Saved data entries
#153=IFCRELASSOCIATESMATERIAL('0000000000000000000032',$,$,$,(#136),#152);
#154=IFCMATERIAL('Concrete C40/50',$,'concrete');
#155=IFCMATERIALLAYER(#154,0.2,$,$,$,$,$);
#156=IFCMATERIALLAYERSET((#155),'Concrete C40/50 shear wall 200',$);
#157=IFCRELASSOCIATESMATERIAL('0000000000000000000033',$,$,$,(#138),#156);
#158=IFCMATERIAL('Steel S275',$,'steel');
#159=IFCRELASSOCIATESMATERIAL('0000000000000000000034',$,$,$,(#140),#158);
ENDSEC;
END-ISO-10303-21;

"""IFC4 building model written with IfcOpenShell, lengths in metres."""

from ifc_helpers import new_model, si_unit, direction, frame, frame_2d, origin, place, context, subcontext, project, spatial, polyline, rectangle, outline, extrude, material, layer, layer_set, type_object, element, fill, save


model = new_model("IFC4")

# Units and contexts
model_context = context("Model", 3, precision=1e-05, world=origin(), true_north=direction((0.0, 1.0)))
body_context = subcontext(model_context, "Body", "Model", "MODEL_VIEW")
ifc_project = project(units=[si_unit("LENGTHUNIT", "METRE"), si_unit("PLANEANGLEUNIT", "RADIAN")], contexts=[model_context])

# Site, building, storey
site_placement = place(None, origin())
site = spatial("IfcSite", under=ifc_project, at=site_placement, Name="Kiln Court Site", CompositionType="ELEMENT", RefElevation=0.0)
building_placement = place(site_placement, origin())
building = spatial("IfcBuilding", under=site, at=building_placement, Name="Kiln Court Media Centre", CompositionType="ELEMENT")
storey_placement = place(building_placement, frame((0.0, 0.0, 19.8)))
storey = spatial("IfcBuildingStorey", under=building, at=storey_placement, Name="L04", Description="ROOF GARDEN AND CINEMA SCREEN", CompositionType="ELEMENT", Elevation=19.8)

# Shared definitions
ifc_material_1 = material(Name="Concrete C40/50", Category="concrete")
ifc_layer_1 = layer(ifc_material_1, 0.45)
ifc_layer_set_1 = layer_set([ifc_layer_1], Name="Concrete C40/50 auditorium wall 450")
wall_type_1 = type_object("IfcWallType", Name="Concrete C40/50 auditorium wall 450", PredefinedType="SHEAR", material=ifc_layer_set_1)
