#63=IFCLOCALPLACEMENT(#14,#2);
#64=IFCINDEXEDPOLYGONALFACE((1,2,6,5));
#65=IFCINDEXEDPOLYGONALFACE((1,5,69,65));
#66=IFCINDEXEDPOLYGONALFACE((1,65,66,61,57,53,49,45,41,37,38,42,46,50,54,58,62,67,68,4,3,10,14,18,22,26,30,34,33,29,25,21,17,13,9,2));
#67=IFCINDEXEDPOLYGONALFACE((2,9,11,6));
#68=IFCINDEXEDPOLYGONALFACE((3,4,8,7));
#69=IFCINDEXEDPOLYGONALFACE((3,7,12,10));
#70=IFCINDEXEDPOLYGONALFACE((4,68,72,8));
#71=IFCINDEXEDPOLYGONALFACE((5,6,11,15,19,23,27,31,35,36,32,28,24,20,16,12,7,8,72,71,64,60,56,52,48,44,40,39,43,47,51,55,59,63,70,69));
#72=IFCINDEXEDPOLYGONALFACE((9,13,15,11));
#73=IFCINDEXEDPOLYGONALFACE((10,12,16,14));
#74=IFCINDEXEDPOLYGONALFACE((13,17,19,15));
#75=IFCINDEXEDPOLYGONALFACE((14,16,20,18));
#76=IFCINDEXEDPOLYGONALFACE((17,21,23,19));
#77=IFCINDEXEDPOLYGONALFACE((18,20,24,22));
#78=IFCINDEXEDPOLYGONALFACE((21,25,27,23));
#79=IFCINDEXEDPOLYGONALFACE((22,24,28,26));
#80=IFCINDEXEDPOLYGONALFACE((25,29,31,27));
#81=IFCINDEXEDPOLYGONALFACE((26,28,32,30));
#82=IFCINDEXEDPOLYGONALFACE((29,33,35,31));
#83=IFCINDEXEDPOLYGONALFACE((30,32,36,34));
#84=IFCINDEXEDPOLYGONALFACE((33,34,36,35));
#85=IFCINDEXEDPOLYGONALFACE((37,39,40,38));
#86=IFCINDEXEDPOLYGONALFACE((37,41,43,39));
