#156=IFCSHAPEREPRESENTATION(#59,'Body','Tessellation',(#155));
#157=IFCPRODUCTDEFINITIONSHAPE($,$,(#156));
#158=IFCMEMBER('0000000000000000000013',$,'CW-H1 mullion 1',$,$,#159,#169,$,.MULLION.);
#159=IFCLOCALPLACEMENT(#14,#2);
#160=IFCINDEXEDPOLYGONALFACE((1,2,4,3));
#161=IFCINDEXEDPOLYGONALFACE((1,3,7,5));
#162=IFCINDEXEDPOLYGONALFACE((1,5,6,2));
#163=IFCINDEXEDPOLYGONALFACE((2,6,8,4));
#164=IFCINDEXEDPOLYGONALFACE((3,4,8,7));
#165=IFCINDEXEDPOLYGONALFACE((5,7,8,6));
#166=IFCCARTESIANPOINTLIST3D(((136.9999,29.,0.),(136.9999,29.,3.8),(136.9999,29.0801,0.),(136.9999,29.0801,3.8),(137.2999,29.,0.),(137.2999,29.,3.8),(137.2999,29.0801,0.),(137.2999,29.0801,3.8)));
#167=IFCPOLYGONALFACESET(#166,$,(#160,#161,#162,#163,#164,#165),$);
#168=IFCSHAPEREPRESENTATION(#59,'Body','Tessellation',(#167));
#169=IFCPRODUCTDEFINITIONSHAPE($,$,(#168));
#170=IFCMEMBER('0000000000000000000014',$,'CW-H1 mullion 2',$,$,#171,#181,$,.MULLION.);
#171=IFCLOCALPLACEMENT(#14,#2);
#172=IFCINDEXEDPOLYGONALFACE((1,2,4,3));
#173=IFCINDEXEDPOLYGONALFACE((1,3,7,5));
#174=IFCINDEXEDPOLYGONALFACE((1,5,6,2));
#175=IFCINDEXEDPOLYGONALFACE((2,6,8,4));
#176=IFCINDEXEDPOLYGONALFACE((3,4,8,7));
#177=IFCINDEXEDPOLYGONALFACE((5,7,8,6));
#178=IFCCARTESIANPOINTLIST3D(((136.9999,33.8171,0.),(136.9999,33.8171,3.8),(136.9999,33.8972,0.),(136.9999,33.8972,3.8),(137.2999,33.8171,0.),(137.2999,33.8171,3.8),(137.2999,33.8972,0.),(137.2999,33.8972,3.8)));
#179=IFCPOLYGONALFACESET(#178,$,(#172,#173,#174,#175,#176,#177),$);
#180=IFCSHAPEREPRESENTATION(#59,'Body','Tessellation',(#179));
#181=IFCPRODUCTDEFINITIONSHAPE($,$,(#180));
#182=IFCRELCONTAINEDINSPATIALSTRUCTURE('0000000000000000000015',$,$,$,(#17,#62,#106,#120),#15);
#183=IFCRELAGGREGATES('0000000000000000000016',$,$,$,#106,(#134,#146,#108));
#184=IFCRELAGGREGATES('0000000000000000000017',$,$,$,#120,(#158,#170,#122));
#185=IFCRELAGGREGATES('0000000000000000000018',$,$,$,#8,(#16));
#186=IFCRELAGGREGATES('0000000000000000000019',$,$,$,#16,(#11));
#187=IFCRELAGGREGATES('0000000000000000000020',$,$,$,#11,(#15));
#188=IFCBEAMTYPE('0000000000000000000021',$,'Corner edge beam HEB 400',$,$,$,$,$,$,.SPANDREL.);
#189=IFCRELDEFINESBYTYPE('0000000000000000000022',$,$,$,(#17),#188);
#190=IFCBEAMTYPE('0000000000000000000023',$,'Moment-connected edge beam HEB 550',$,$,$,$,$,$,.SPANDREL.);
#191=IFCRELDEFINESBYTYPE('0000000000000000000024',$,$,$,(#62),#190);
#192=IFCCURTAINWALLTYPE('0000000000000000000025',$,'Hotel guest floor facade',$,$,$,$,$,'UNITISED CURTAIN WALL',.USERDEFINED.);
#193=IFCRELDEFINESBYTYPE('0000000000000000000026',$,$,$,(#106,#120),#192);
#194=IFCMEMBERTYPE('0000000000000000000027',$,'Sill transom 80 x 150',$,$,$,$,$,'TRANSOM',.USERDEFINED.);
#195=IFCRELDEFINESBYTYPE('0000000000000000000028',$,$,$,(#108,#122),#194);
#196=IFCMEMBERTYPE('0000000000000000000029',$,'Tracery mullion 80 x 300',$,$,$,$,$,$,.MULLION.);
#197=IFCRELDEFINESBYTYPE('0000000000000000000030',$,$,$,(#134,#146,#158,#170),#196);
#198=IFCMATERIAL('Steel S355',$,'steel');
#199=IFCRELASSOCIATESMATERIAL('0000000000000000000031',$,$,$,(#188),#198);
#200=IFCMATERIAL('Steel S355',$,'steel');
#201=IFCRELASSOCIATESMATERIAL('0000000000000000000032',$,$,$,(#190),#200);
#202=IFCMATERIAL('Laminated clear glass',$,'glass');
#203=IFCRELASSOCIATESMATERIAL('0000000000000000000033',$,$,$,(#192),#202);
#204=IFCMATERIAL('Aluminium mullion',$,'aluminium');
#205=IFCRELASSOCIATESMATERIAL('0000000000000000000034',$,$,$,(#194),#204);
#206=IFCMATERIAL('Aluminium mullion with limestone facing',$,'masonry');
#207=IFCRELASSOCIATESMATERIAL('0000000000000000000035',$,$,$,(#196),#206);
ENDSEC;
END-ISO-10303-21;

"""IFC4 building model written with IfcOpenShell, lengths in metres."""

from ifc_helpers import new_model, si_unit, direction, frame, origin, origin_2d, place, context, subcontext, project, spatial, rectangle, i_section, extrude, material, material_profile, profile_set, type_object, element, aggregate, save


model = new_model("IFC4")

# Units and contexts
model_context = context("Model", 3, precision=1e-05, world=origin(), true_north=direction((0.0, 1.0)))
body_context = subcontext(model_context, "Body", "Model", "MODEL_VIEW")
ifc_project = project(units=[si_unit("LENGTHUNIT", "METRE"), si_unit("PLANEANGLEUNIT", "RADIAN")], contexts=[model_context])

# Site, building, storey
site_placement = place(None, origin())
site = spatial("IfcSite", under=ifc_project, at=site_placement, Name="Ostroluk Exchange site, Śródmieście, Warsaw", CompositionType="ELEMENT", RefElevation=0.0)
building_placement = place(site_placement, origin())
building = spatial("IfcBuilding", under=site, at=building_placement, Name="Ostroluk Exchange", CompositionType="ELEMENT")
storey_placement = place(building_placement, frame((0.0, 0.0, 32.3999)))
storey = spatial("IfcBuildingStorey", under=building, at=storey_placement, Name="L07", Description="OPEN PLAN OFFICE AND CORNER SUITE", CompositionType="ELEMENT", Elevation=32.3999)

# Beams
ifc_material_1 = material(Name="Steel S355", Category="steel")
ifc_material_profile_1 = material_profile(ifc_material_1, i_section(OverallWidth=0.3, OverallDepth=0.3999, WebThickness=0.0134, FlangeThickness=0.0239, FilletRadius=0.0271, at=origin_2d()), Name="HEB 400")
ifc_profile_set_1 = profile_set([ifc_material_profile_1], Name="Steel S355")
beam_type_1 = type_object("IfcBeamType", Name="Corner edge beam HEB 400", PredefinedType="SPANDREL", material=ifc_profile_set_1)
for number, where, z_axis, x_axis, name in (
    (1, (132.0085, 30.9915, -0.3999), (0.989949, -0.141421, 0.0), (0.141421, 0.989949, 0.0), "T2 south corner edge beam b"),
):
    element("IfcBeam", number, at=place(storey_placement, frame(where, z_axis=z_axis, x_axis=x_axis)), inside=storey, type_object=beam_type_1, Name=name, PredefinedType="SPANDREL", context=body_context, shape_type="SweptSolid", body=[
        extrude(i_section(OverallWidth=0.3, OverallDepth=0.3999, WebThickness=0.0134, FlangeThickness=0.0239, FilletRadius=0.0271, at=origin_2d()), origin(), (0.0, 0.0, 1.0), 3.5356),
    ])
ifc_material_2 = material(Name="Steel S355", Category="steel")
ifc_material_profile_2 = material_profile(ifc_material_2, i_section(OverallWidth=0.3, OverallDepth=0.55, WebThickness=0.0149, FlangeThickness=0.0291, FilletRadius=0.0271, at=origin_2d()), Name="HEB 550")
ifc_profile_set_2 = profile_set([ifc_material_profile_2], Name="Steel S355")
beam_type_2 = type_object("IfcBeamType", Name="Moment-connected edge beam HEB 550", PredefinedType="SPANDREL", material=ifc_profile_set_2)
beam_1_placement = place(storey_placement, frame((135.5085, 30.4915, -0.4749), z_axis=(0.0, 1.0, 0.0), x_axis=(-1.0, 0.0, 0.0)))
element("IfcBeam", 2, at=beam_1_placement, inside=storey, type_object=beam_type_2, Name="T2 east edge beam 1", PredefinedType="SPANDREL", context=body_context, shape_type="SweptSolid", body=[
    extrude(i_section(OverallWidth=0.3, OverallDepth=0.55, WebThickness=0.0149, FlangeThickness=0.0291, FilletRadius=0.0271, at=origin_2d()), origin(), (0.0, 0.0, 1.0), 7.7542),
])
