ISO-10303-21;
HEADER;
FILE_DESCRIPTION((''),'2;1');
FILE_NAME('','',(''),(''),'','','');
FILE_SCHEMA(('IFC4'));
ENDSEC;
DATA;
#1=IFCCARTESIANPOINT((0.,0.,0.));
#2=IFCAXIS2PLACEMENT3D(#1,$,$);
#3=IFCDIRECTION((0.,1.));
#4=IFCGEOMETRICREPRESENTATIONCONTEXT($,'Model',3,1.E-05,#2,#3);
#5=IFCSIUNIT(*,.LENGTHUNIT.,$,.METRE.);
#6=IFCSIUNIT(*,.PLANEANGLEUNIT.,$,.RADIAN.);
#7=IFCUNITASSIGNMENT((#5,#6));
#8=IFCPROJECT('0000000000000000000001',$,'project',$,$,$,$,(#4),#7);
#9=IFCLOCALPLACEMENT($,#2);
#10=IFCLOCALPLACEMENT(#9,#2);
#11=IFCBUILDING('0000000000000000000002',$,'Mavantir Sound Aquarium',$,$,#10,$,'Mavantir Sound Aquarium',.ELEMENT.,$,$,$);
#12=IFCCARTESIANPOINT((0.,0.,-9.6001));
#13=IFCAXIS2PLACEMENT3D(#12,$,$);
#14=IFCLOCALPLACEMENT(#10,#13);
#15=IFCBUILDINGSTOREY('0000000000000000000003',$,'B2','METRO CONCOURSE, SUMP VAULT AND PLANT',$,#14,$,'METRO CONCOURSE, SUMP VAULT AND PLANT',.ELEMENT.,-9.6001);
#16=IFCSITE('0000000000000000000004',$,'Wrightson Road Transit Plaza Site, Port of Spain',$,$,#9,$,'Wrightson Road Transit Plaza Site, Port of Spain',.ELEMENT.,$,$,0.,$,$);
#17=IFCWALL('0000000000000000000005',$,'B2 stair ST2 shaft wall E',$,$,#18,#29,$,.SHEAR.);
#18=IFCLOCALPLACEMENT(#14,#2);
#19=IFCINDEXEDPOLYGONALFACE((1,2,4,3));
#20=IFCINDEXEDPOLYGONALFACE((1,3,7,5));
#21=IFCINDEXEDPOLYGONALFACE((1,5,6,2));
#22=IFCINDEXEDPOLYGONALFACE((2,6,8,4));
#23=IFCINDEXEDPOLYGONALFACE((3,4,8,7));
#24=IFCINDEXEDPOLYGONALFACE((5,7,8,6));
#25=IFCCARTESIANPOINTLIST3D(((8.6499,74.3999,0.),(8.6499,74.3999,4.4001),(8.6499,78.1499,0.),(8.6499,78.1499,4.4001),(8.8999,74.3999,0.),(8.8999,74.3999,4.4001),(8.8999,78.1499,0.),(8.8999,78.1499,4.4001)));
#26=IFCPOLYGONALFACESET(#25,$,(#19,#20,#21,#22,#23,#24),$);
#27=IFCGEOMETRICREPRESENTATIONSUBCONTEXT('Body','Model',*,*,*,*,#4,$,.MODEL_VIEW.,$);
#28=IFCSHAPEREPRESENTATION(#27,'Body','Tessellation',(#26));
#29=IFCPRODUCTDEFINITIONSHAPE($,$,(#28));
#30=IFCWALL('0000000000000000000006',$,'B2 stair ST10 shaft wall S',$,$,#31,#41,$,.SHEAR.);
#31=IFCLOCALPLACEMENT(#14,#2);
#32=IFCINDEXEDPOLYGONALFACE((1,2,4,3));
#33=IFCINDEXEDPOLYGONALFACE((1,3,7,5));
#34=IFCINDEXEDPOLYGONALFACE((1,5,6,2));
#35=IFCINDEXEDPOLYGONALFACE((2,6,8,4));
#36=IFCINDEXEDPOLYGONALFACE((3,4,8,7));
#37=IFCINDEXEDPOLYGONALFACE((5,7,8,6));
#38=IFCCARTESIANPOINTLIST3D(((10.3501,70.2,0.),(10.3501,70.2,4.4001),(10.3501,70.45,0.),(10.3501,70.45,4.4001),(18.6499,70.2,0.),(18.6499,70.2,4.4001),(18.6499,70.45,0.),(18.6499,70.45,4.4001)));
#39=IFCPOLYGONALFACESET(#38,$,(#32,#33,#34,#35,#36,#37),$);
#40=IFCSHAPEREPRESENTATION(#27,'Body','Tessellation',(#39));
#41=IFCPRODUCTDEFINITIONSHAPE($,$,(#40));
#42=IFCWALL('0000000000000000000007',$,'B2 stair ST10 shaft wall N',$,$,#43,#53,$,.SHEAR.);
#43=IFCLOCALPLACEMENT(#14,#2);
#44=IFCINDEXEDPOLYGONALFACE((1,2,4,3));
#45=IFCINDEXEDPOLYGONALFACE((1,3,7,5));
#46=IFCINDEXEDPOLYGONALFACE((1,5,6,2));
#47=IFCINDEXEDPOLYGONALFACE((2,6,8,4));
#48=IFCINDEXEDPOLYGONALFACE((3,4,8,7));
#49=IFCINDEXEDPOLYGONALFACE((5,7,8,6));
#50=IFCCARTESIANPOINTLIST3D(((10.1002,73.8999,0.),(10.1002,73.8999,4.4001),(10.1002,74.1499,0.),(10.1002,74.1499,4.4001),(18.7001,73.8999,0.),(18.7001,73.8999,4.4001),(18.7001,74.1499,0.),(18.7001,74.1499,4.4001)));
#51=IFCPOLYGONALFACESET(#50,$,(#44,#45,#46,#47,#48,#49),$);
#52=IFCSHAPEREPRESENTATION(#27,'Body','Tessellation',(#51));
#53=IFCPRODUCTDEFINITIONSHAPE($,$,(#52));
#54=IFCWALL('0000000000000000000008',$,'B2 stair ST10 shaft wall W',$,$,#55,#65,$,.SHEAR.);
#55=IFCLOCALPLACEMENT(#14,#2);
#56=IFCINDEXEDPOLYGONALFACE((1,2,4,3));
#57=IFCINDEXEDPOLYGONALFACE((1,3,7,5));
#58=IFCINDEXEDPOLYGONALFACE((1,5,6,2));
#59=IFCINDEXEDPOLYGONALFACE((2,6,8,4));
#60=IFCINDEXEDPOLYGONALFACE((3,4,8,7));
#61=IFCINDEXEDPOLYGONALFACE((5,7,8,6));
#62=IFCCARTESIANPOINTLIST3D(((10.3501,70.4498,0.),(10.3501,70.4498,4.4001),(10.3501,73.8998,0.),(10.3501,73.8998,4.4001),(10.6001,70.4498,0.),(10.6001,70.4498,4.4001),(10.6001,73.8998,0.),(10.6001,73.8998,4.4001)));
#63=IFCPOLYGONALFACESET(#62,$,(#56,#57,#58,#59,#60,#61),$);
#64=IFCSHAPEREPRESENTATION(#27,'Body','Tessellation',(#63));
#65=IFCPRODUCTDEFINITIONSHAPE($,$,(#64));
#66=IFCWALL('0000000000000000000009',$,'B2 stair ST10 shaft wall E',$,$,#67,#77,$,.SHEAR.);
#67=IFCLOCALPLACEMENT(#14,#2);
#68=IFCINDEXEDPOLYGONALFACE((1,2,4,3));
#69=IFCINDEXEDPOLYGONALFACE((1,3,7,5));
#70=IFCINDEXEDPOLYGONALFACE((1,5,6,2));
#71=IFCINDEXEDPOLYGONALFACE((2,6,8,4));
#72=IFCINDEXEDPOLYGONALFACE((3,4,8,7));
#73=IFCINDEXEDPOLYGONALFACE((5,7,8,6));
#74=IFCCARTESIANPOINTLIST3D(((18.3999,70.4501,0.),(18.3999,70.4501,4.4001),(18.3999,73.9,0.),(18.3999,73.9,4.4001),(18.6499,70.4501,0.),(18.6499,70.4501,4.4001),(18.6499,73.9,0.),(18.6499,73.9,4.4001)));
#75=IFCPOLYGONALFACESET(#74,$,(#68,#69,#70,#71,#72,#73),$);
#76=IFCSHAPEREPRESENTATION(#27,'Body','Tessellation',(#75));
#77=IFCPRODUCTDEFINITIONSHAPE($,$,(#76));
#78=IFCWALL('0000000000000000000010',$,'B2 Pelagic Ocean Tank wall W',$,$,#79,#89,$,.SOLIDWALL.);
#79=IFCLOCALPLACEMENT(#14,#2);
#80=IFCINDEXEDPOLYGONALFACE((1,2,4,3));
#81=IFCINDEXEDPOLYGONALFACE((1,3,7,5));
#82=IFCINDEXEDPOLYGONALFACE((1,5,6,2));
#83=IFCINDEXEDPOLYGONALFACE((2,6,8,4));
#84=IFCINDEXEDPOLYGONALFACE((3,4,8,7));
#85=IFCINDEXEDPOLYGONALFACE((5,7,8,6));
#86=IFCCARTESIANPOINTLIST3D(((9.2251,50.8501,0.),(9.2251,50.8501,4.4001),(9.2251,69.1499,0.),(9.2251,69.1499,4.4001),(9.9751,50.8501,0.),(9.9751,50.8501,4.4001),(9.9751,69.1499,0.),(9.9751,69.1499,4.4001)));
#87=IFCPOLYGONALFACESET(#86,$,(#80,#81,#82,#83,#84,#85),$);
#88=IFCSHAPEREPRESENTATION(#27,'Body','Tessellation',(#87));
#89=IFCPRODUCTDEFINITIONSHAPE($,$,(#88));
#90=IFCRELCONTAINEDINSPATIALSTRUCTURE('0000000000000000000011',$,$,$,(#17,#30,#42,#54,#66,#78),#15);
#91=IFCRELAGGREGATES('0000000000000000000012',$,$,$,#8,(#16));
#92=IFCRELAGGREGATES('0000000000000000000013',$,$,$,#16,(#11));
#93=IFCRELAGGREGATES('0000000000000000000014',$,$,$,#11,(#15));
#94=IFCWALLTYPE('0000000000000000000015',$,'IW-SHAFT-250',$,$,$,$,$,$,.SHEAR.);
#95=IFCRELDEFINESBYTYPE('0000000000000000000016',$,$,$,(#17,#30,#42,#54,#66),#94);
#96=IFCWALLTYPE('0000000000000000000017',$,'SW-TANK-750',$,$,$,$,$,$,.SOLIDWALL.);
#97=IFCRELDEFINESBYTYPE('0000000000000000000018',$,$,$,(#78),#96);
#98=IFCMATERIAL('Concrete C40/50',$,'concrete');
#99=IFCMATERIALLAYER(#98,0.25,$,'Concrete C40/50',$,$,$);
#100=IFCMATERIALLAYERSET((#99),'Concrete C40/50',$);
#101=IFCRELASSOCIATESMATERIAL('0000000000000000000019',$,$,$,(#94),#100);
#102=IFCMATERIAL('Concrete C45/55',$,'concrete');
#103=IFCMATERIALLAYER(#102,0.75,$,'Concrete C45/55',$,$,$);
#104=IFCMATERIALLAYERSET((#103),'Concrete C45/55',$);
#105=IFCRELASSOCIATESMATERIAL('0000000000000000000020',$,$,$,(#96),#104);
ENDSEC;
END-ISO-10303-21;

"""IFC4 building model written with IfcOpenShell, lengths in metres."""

from ifc_helpers import new_model, si_unit, direction, frame, frame_2d, origin, place, context, subcontext, project, spatial, rectangle, extrude, material, layer, layer_set, type_object, element, save


model = new_model("IFC4")

# Units and contexts
model_context = context("Model", 3, precision=1e-05, world=origin(), true_north=direction((0.0, 1.0)))
body_context = subcontext(model_context, "Body", "Model", "MODEL_VIEW")
ifc_project = project(units=[si_unit("LENGTHUNIT", "METRE"), si_unit("PLANEANGLEUNIT", "RADIAN")], contexts=[model_context])

# Site, building, storey
site_placement = place(None, origin())
site = spatial("IfcSite", under=ifc_project, at=site_placement, Name="Wrightson Road Transit Plaza Site, Port of Spain", LongName="Wrightson Road Transit Plaza Site, Port of Spain", CompositionType="ELEMENT", RefElevation=0.0)
building_placement = place(site_placement, origin())
building = spatial("IfcBuilding", under=site, at=building_placement, Name="Mavantir Sound Aquarium", LongName="Mavantir Sound Aquarium", CompositionType="ELEMENT")
storey_placement = place(building_placement, frame((0.0, 0.0, -9.6001)))
storey = spatial("IfcBuildingStorey", under=building, at=storey_placement, Name="B2", Description="METRO CONCOURSE, SUMP VAULT AND PLANT", LongName="METRO CONCOURSE, SUMP VAULT AND PLANT", CompositionType="ELEMENT", Elevation=-9.6001)

# Shared definitions
ifc_material_1 = material(Name="Concrete C40/50", Category="concrete")

# Walls
ifc_layer_1 = layer(ifc_material_1, 0.25, Name="Concrete C40/50")
ifc_layer_set_1 = layer_set([ifc_layer_1], Name="Concrete C40/50")
wall_type_1 = type_object("IfcWallType", Name="IW-SHAFT-250", PredefinedType="SHEAR", material=ifc_layer_set_1)
wall_1_placement = place(storey_placement, frame((8.7749, 74.3999, 0.0), z_axis=(0.0, 0.0, 1.0), x_axis=(0.0, 1.0, 0.0)))
element("IfcWall", 1, at=wall_1_placement, inside=storey, type_object=wall_type_1, Name="B2 stair ST2 shaft wall E", PredefinedType="SHEAR", context=body_context, shape_type="SweptSolid", body=[
    extrude(rectangle(XDim=3.75, YDim=0.25, at=frame_2d((1.875, 0.0))), origin(), (0.0, 0.0, 1.0), 4.4001),
])
wall_2_placement = place(storey_placement, frame((10.3501, 70.325, 0.0), z_axis=(0.0, 0.0, 1.0), x_axis=(1.0, 0.0, 0.0)))
element("IfcWall", 2, at=wall_2_placement, inside=storey, type_object=wall_type_1, Name="B2 stair ST10 shaft wall S", PredefinedType="SHEAR", context=body_context, shape_type="SweptSolid", body=[
    extrude(rectangle(XDim=8.2998, YDim=0.25, at=frame_2d((4.1499, 0.0))), origin(), (0.0, 0.0, 1.0), 4.4001),
])
wall_3_placement = place(storey_placement, frame((18.7, 74.0249, 0.0), z_axis=(0.0, 0.0, 1.0), x_axis=(-1.0, 0.0, 0.0)))
element("IfcWall", 3, at=wall_3_placement, inside=storey, type_object=wall_type_1, Name="B2 stair ST10 shaft wall N", PredefinedType="SHEAR", context=body_context, shape_type="SweptSolid", body=[
    extrude(rectangle(XDim=8.5999, YDim=0.25, at=frame_2d((4.2998, 0.0))), origin(), (0.0, 0.0, 1.0), 4.4001),
])
for number, where, z_axis, x_axis, name in (
    (4, (10.4751, 73.8999, 0.0), (0.0, 0.0, 1.0), (0.0, -1.0, 0.0), "B2 stair ST10 shaft wall W"),
    (5, (18.5249, 70.45, 0.0), (0.0, 0.0, 1.0), (0.0, 1.0, 0.0), "B2 stair ST10 shaft wall E"),
):
    element("IfcWall", number, at=place(storey_placement, frame(where, z_axis=z_axis, x_axis=x_axis)), inside=storey, type_object=wall_type_1, Name=name, PredefinedType="SHEAR", context=body_context, shape_type="SweptSolid", body=[
        extrude(rectangle(XDim=3.45, YDim=0.25, at=frame_2d((1.7251, 0.0))), origin(), (0.0, 0.0, 1.0), 4.4001),
    ])
ifc_material_2 = material(Name="Concrete C45/55", Category="concrete")
ifc_layer_2 = layer(ifc_material_2, 0.75, Name="Concrete C45/55")
ifc_layer_set_2 = layer_set([ifc_layer_2], Name="Concrete C45/55")
wall_type_2 = type_object("IfcWallType", Name="SW-TANK-750", PredefinedType="SOLIDWALL", material=ifc_layer_set_2)
wall_4_placement = place(storey_placement, frame((9.6001, 69.1499, 0.0), z_axis=(0.0, 0.0, 1.0), x_axis=(0.0, -1.0, 0.0)))
element("IfcWall", 6, at=wall_4_placement, inside=storey, type_object=wall_type_2, Name="B2 Pelagic Ocean Tank wall W", PredefinedType="SOLIDWALL", context=body_context, shape_type="SweptSolid", body=[
    extrude(rectangle(XDim=18.2998, YDim=0.75, at=frame_2d((9.1499, 0.0))), origin(), (0.0, 0.0, 1.0), 4.4001),
])

save(model, "model.ifc")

Your assignment: Without changing anything, quote the lines from the top of the data to the line that contains "frame((0.0, 0.0, 19.8)))", including that line.

Response:
#153=IFCRELASSOCIATESMATERIAL('0000000000000000000032',$,$,$,(#136),#152);
#154=IFCMATERIAL('Concrete C40/50',$,'concrete');
#155=IFCMATERIALLAYER(#154,0.2,$,$,$,$,$);
#156=IFCMATERIALLAYERSET((#155),'Concrete C40/50 shear wall 200',$);
#157=IFCRELASSOCIATESMATERIAL('0000000000000000000033',$,$,$,(#138),#156);
#158=IFCMATERIAL('Steel S275',$,'steel');
#159=IFCRELASSOCIATESMATERIAL('0000000000000000000034',$,$,$,(#140),#158);
ENDSEC;
END-ISO-10303-21;

"""IFC4 building model written with IfcOpenShell, lengths in metres."""

from ifc_helpers import new_model, si_unit, direction, frame, frame_2d, origin, place, context, subcontext, project, spatial, polyline, rectangle, outline, extrude, material, layer, layer_set, type_object, element, fill, save


model = new_model("IFC4")

# Units and contexts
model_context = context("Model", 3, precision=1e-05, world=origin(), true_north=direction((0.0, 1.0)))
body_context = subcontext(model_context, "Body", "Model", "MODEL_VIEW")
ifc_project = project(units=[si_unit("LENGTHUNIT", "METRE"), si_unit("PLANEANGLEUNIT", "RADIAN")], contexts=[model_context])

# Site, building, storey
site_placement = place(None, origin())
site = spatial("IfcSite", under=ifc_project, at=site_placement, Name="Kiln Court Site", CompositionType="ELEMENT", RefElevation=0.0)
building_placement = place(site_placement, origin())
building = spatial("IfcBuilding", under=site, at=building_placement, Name="Kiln Court Media Centre", CompositionType="ELEMENT")
storey_placement = place(building_placement, frame((0.0, 0.0, 19.8)))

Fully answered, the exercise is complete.